Task objective:
Nothing but the lines holding the string "inside" should appear in the answer. Copy them from the entries.

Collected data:
☆ ☆ ☆ ☆ ☆ ☆ ☆
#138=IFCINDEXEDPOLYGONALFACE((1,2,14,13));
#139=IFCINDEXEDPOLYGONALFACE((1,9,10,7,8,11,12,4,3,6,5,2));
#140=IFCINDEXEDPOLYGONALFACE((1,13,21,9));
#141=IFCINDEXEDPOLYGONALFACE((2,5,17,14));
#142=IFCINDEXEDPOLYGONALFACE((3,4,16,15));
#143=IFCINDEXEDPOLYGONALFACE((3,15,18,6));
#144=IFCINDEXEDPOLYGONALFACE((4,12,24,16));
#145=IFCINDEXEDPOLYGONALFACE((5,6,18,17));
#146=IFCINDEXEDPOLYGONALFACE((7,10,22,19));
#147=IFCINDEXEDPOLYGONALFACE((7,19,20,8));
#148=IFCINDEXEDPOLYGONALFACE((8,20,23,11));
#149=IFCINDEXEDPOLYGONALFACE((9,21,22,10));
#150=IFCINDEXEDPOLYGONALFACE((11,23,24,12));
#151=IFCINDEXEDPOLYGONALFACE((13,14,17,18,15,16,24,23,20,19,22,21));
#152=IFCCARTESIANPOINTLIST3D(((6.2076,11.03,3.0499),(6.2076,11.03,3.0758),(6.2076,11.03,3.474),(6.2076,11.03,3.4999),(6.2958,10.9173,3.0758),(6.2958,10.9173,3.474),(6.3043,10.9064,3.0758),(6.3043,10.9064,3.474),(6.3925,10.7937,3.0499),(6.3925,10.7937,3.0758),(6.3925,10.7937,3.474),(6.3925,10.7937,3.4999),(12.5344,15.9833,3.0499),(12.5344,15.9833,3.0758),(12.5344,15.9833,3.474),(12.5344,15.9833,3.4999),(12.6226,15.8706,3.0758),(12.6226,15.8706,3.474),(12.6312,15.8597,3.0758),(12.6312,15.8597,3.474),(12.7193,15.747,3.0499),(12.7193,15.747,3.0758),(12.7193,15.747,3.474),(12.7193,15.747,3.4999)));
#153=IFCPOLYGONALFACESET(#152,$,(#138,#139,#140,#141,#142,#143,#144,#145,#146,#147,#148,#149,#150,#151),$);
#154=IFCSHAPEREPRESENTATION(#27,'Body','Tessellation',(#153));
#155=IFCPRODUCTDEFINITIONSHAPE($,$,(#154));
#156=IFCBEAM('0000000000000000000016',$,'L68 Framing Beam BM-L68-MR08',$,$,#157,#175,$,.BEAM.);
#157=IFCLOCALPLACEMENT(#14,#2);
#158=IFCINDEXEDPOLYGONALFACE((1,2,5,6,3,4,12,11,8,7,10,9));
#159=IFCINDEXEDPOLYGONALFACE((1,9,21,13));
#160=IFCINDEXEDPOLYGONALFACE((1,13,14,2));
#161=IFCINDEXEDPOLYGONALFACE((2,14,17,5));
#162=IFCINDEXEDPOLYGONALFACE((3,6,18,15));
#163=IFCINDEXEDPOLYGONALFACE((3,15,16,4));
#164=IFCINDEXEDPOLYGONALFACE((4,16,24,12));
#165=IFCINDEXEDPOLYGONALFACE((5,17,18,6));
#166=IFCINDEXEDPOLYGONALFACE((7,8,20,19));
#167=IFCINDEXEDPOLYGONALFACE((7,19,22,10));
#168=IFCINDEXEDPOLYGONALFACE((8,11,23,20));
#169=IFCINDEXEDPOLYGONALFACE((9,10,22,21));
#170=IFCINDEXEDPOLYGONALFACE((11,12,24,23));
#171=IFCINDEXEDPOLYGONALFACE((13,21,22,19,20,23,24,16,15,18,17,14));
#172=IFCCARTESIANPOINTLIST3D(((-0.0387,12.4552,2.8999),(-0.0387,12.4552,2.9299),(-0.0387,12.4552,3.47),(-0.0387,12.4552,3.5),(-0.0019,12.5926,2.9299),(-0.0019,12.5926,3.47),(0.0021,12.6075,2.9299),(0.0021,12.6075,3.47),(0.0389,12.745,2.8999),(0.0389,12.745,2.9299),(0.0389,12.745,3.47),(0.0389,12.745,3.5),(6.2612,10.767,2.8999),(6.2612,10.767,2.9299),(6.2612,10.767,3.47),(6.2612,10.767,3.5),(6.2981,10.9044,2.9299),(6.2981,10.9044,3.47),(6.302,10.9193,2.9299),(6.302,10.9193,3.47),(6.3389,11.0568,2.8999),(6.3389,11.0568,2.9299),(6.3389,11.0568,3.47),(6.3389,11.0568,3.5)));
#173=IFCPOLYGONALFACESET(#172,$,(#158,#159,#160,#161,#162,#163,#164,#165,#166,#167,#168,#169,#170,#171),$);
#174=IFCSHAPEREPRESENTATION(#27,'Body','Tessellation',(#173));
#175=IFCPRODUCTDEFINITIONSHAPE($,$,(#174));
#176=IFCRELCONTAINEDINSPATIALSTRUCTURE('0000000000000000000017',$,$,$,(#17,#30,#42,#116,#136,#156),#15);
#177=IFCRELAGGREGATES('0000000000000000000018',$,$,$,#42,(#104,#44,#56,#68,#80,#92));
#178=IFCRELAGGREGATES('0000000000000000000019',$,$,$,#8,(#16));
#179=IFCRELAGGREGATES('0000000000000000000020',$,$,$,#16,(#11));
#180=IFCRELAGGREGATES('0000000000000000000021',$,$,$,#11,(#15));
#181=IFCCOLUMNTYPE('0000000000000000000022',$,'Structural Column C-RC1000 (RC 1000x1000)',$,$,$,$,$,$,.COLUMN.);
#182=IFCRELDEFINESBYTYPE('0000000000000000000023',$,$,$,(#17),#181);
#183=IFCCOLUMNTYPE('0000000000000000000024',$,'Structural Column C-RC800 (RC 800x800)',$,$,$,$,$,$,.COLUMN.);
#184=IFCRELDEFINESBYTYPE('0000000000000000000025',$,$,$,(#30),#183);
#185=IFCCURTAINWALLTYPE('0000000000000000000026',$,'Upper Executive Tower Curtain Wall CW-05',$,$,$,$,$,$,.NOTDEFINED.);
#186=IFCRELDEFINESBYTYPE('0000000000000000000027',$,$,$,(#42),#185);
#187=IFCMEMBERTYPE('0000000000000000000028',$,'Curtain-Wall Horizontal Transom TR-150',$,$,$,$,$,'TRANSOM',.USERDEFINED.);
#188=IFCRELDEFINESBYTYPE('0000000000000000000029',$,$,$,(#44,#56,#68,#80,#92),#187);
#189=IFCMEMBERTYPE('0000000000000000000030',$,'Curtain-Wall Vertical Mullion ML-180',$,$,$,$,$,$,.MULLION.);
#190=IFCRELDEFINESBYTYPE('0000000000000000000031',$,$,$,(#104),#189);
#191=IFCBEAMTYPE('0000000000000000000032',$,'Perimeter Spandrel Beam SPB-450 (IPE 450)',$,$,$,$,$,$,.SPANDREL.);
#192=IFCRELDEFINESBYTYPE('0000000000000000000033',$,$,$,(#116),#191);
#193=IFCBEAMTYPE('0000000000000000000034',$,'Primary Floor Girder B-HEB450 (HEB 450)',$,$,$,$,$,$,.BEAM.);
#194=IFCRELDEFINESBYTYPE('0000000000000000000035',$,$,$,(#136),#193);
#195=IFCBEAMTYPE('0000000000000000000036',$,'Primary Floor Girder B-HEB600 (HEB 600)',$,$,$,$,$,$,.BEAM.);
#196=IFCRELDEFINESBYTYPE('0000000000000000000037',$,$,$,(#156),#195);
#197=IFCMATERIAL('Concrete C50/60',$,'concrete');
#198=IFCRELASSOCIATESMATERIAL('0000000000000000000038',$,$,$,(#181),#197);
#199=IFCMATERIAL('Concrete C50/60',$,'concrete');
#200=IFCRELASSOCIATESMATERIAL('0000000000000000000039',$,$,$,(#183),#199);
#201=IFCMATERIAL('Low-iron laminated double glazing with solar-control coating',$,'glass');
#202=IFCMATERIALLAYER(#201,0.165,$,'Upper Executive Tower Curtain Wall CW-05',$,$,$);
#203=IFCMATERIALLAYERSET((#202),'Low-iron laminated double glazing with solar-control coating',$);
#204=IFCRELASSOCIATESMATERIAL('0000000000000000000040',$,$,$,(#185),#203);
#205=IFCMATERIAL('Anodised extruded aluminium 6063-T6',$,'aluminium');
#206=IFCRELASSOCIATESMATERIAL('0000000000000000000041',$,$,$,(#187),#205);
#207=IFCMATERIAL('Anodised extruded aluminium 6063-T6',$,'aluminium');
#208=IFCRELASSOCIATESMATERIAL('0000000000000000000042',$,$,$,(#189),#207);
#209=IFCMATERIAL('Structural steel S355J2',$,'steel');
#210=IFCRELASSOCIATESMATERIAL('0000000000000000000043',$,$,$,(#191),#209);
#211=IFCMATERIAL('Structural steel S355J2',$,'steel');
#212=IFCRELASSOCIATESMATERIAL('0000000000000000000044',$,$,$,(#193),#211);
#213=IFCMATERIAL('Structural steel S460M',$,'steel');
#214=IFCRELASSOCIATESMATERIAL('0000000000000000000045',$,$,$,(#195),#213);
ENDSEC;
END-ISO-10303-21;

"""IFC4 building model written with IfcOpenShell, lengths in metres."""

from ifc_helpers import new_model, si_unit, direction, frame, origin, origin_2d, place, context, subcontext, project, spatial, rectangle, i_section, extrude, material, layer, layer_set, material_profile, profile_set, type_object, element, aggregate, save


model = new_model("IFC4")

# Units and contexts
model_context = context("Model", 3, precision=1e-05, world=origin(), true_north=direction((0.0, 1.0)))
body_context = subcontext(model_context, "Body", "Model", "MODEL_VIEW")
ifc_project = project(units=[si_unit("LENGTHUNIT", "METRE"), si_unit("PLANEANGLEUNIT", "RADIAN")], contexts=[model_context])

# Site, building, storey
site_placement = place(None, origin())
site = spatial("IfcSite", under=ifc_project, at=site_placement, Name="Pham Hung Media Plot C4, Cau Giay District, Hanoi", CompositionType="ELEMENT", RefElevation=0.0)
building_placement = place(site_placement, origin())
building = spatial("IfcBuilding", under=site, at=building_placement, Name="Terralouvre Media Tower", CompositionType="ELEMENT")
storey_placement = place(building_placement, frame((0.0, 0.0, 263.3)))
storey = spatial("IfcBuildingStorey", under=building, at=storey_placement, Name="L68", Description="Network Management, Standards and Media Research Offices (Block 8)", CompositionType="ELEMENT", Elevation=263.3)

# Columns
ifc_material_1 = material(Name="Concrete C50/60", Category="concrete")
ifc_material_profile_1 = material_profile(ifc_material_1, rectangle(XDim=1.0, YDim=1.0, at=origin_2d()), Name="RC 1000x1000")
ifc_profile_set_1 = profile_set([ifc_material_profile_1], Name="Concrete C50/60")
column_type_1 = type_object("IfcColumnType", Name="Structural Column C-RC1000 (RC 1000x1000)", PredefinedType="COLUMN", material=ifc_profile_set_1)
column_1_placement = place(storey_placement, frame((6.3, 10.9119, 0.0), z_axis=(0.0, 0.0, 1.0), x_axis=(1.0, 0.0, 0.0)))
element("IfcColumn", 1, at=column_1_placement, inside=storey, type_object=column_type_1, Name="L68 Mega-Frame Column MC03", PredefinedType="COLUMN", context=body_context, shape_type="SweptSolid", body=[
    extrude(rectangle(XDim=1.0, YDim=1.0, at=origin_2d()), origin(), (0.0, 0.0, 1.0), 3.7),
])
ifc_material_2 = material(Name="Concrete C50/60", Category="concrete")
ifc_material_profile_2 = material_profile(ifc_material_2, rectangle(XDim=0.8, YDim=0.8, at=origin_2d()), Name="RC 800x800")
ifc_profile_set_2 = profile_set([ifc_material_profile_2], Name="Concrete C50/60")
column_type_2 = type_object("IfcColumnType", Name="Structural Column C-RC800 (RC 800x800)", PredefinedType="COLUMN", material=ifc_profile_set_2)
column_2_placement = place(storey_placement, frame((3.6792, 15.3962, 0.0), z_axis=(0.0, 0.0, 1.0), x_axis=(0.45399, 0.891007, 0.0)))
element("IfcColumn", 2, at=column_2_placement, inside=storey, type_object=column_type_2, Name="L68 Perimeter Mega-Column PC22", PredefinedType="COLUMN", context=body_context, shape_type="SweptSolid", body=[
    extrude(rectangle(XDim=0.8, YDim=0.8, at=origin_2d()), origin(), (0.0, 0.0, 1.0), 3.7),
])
☆ ☆ ☆ ☆ ☆ ☆ ☆
Exercise answer:
element("IfcColumn", 1, at=column_1_placement, inside=storey, type_object=column_type_1, Name="L68 Mega-Frame Column MC03", PredefinedType="COLUMN", context=body_context, shape_type="SweptSolid", body=[
element("IfcColumn", 2, at=column_2_placement, inside=storey, type_object=column_type_2, Name="L68 Perimeter Mega-Column PC22", PredefinedType="COLUMN", context=body_context, shape_type="SweptSolid", body=[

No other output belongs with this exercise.